-- Opening Marker --

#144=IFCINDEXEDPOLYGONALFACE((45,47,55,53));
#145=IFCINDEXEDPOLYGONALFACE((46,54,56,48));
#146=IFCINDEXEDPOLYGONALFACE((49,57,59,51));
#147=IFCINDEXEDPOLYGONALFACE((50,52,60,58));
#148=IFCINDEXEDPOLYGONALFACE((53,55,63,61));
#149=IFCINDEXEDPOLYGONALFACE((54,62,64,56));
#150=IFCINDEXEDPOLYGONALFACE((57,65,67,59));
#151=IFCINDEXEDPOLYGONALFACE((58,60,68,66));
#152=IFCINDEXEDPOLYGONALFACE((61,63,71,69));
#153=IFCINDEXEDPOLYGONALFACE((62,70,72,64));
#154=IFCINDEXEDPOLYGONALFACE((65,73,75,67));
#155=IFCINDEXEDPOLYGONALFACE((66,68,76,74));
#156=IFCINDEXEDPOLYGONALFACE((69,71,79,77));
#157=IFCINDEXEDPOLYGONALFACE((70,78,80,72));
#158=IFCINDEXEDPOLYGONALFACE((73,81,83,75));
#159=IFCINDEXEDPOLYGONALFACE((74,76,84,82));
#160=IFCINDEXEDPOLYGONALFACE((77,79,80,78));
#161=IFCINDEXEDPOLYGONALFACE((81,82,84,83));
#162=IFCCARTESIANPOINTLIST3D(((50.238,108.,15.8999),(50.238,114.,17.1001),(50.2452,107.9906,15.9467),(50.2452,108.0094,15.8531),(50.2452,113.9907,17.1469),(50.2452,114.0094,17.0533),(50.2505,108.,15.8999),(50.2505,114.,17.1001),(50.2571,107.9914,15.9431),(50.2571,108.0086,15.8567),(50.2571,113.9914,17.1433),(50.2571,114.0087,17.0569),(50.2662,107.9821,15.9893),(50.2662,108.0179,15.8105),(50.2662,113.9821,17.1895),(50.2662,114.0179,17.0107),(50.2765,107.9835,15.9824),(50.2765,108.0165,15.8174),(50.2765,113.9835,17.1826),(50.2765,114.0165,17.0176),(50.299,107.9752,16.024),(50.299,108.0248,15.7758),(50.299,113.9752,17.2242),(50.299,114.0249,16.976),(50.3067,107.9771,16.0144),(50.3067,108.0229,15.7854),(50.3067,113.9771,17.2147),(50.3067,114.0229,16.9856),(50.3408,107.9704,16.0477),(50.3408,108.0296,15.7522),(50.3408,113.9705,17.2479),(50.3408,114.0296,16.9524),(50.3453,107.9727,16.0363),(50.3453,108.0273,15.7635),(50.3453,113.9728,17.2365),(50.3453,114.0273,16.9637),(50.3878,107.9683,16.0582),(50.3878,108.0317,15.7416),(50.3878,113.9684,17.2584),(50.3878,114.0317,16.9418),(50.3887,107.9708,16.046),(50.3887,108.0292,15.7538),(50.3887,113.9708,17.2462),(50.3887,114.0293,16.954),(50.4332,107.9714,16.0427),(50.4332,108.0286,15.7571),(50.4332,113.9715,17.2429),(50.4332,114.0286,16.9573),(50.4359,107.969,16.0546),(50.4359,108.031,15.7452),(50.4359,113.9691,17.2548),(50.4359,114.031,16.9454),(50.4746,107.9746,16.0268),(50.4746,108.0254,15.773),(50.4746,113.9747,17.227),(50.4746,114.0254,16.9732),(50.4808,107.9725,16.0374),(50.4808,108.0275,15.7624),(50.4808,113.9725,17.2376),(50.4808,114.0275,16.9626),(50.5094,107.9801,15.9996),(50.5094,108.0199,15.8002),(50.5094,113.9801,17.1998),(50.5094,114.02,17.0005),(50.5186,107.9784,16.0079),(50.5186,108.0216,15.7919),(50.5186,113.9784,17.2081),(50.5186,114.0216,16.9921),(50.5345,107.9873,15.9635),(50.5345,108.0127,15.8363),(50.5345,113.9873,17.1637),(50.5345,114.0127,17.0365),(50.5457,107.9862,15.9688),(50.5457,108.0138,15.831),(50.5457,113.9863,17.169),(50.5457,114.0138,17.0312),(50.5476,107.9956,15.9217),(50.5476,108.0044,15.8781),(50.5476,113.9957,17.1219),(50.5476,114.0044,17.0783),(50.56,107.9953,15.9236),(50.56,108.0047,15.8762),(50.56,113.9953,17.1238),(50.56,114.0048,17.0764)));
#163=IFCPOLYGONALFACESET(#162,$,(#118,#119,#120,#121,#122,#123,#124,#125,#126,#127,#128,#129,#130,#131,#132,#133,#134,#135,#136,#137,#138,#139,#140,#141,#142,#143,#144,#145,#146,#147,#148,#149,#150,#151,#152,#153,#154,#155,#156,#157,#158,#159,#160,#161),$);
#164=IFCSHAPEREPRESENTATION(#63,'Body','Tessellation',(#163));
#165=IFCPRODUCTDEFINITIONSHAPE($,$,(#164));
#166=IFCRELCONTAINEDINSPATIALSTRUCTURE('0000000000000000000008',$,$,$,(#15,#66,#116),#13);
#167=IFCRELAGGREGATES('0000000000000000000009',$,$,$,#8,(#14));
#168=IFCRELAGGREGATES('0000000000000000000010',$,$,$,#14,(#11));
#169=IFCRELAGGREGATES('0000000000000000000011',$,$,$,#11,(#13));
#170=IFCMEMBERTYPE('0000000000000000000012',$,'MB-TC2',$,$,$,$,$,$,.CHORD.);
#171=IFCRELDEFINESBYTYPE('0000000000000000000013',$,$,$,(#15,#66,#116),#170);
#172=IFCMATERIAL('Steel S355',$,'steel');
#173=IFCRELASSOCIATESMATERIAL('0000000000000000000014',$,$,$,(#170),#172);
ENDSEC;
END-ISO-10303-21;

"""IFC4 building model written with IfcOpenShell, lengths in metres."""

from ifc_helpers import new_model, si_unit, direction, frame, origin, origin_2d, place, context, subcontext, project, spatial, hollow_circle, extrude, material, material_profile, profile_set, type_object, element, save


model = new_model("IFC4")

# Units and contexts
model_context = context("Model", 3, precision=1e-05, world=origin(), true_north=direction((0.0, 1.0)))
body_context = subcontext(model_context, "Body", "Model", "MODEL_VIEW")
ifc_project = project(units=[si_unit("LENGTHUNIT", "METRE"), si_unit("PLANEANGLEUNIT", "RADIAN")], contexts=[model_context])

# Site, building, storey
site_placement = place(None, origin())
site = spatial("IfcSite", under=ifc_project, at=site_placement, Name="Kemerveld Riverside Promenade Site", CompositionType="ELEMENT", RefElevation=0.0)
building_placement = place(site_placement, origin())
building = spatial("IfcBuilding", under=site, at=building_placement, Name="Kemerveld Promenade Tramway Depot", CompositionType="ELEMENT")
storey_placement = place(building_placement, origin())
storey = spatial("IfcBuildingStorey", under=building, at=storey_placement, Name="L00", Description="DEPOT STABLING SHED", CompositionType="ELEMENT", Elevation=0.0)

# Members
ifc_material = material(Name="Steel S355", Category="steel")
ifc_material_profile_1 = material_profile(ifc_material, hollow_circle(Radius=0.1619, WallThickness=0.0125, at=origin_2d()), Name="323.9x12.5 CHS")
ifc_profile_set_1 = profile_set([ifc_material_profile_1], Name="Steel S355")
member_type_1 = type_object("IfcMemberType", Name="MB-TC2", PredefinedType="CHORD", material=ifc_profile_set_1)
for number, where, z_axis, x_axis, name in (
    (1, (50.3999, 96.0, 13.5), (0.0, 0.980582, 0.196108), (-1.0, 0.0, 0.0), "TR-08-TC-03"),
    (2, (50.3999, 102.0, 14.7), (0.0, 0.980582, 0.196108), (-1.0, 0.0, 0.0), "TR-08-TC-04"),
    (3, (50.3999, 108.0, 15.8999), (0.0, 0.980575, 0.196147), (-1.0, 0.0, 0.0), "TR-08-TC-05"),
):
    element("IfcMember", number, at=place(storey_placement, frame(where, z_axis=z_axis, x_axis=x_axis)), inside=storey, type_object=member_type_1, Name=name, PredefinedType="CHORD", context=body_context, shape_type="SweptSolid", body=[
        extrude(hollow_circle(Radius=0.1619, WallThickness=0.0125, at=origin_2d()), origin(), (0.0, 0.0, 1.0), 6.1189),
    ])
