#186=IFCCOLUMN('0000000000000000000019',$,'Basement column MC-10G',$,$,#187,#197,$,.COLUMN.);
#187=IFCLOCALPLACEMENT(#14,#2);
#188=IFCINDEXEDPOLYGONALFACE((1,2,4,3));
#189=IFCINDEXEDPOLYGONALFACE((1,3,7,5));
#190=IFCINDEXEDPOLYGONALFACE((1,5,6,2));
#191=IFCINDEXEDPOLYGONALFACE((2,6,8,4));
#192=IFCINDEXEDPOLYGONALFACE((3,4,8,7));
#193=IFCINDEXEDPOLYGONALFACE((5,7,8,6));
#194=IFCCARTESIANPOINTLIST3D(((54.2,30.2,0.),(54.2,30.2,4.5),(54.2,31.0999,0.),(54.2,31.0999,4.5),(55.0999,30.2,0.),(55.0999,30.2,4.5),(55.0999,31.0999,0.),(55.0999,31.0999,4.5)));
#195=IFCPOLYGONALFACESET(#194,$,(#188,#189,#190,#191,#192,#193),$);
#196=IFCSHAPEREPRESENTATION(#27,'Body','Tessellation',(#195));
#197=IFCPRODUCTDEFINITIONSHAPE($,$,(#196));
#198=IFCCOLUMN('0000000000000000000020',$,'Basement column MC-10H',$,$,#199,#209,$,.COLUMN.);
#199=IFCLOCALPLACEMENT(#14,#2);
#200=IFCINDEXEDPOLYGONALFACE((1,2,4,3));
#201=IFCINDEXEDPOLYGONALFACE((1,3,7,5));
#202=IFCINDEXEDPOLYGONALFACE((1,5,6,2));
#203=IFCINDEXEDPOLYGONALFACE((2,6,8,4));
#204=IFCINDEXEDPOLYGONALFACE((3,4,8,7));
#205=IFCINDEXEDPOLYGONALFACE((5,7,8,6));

-- Closing Marker --

## PROBLEM TO SOLVE
Return only the part of the records above that opens with the line containing "#158=IFCINDEXEDPOLYGONALFACE((73,81,83,75));" and closes with the line containing "#161=IFCINDEXEDPOLYGONALFACE((81,82,84,83));", ends included.

## REPLY
#158=IFCINDEXEDPOLYGONALFACE((73,81,83,75));
#159=IFCINDEXEDPOLYGONALFACE((74,76,84,82));
#160=IFCINDEXEDPOLYGONALFACE((77,79,80,78));
#161=IFCINDEXEDPOLYGONALFACE((81,82,84,83));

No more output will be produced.